## Records excerpted from a collection
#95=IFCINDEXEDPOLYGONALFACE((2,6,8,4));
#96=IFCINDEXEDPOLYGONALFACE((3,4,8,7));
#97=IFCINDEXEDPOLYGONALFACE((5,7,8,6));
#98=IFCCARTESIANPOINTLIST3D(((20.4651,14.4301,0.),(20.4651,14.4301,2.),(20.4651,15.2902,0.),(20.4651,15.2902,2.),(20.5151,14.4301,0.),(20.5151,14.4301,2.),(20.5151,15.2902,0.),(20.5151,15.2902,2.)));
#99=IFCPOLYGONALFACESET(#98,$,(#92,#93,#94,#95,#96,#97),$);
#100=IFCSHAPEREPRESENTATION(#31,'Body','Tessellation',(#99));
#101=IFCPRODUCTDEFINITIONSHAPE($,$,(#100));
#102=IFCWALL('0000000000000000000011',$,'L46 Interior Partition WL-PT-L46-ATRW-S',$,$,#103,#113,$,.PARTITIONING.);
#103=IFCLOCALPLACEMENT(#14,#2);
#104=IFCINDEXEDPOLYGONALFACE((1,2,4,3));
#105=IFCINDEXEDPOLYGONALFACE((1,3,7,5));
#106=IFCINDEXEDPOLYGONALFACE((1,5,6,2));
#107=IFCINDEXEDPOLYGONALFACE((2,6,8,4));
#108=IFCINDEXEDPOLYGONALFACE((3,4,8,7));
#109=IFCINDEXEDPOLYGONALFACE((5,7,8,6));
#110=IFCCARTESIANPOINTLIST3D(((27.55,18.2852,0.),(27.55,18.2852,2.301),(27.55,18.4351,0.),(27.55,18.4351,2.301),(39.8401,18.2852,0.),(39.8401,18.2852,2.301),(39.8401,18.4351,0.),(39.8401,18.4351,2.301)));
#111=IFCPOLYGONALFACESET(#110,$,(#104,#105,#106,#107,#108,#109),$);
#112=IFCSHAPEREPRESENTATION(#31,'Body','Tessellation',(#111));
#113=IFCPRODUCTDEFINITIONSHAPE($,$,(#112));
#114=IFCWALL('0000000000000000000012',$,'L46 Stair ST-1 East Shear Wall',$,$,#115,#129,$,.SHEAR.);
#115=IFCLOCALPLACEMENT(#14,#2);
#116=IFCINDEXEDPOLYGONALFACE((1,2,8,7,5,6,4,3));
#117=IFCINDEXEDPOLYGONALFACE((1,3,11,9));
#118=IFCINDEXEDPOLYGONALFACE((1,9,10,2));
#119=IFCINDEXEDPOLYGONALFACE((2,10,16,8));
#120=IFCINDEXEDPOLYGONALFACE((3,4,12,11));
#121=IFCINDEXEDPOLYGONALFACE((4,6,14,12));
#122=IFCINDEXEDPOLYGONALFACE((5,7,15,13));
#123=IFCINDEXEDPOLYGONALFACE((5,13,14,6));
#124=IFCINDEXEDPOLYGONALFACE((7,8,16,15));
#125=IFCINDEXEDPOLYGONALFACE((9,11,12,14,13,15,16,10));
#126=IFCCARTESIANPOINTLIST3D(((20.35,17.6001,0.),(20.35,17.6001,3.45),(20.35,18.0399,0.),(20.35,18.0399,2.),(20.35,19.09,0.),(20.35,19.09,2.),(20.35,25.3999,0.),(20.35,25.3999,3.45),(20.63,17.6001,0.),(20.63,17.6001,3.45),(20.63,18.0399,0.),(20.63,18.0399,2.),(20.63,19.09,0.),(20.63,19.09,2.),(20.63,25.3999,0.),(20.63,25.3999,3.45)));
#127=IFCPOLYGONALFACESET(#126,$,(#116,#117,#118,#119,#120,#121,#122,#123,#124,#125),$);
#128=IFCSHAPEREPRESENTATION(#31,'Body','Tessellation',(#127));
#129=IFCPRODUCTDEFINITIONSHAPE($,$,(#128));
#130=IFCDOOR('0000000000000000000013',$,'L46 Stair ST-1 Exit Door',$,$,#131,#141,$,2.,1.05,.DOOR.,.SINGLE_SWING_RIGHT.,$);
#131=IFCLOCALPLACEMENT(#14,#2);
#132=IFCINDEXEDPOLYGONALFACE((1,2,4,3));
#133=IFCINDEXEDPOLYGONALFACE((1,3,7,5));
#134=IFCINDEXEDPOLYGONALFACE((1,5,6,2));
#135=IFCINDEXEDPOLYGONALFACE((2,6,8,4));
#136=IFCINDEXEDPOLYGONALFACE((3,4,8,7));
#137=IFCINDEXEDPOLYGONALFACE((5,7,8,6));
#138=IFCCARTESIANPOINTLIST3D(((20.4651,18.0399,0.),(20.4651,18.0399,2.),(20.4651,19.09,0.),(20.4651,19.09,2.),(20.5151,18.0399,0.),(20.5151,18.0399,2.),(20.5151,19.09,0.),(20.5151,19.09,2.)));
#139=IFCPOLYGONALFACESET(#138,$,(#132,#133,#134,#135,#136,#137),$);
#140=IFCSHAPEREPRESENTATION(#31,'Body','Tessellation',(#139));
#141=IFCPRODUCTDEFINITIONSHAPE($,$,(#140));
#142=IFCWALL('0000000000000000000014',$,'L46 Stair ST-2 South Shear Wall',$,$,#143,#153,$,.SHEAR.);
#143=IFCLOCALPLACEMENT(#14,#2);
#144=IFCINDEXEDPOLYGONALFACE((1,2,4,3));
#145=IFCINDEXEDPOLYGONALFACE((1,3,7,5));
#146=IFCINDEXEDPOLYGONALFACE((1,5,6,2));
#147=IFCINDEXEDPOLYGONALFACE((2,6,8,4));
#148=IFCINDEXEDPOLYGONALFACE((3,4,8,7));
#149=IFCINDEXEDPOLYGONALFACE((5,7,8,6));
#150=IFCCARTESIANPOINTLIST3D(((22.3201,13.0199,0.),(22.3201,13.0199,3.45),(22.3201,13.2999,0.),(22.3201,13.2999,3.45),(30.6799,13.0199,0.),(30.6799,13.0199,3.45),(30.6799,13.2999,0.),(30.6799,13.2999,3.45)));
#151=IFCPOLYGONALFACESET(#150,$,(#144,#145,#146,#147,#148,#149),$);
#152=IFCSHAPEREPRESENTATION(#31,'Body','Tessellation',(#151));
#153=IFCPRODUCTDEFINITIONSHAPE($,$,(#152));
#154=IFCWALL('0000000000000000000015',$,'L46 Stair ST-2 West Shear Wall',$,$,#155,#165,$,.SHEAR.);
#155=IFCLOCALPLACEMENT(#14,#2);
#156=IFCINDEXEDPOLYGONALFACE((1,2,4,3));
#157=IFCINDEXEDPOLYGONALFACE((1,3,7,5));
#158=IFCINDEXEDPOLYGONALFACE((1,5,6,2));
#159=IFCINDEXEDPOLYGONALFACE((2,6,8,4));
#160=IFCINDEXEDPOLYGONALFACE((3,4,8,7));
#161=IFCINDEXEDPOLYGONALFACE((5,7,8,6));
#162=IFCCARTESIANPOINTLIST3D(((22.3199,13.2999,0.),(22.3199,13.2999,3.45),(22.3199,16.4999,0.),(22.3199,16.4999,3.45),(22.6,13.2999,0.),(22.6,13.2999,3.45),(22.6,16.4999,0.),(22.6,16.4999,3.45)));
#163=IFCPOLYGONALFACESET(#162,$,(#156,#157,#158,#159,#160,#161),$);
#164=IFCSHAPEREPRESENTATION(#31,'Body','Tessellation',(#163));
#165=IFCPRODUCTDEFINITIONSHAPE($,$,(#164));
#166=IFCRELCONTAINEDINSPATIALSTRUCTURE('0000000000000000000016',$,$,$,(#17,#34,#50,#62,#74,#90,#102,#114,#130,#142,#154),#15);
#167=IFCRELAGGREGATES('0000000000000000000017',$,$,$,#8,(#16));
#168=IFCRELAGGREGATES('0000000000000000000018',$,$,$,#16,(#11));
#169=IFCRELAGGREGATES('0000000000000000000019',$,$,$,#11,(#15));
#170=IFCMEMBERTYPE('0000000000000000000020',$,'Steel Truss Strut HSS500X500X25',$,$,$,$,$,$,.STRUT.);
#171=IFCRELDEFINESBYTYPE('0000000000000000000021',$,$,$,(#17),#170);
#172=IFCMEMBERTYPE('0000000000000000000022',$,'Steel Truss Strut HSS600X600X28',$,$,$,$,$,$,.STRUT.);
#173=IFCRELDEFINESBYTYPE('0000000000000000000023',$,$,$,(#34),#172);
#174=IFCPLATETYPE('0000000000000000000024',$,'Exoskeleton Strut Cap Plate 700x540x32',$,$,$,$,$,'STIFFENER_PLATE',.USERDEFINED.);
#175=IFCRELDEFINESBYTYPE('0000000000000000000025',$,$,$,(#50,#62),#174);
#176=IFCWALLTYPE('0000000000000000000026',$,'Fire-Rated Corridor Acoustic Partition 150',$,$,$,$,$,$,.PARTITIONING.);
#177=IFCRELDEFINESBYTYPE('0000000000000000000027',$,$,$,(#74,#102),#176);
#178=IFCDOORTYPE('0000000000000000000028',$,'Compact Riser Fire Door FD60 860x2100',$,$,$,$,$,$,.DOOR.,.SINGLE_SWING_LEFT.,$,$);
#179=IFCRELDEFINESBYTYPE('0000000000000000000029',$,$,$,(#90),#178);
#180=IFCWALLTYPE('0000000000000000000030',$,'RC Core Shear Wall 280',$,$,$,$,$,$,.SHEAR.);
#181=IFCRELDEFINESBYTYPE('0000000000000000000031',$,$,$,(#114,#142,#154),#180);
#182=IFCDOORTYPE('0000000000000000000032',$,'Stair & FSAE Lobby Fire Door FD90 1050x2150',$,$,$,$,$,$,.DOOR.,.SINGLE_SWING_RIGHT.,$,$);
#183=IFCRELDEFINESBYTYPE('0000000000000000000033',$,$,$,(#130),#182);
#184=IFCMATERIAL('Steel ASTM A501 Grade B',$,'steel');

---

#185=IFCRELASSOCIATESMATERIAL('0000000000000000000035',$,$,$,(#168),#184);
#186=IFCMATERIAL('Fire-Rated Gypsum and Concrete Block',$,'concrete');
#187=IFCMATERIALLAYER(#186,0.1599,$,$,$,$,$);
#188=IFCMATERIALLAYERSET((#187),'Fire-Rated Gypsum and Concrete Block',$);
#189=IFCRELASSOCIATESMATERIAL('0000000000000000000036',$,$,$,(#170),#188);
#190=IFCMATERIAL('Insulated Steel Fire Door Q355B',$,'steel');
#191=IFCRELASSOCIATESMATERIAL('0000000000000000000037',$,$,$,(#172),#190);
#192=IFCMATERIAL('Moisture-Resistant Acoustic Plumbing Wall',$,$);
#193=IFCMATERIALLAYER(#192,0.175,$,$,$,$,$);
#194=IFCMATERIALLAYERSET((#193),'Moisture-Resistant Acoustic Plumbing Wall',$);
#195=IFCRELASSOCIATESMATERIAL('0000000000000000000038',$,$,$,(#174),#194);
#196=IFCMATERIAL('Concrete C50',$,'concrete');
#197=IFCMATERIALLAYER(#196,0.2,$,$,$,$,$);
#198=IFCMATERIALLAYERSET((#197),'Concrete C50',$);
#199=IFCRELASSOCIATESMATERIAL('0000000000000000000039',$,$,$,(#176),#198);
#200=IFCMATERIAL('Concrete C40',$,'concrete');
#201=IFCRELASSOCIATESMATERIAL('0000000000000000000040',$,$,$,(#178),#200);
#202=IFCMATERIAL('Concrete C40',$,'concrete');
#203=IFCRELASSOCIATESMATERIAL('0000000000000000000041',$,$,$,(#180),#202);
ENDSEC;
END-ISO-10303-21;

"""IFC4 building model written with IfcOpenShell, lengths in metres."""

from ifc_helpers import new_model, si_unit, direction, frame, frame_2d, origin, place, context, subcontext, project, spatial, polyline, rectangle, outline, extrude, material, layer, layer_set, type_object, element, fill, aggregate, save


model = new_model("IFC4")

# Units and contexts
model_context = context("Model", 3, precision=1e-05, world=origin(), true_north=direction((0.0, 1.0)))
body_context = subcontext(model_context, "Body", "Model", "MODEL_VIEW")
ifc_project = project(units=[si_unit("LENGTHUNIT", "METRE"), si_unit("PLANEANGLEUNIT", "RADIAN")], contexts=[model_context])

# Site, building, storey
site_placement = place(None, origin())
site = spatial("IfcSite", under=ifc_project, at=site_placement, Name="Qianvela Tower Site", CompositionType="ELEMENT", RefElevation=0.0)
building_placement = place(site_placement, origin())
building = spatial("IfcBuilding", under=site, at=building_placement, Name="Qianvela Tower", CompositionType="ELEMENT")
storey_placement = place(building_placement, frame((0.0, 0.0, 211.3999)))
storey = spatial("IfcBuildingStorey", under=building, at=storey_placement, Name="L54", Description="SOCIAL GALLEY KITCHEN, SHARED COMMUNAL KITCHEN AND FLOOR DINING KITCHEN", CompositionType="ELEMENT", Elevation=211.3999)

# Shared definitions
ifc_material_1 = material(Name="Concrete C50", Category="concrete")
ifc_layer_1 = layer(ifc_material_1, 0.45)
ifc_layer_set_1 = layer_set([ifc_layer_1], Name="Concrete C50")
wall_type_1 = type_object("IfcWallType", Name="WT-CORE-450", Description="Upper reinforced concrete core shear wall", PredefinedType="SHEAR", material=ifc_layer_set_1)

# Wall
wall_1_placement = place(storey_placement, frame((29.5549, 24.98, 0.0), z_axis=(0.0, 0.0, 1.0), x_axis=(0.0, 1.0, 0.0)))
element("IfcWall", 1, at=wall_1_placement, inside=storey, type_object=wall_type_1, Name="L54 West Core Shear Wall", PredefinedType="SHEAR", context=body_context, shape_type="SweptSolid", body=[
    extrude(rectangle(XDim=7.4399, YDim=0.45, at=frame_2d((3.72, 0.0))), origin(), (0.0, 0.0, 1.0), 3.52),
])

## What is required
Every line from the line containing "#95=IFCINDEXEDPOLYGONALFACE((2,6,8,4));" through the line containing "#99=IFCPOLYGONALFACESET(#98,$,(#92,#93,#94,#95,#96,#97),$);" in the records above must be retyped exactly. Leave out the rest.

## Written answer
#95=IFCINDEXEDPOLYGONALFACE((2,6,8,4));
#96=IFCINDEXEDPOLYGONALFACE((3,4,8,7));
#97=IFCINDEXEDPOLYGONALFACE((5,7,8,6));
#98=IFCCARTESIANPOINTLIST3D(((20.4651,14.4301,0.),(20.4651,14.4301,2.),(20.4651,15.2902,0.),(20.4651,15.2902,2.),(20.5151,14.4301,0.),(20.5151,14.4301,2.),(20.5151,15.2902,0.),(20.5151,15.2902,2.)));
#99=IFCPOLYGONALFACESET(#98,$,(#92,#93,#94,#95,#96,#97),$);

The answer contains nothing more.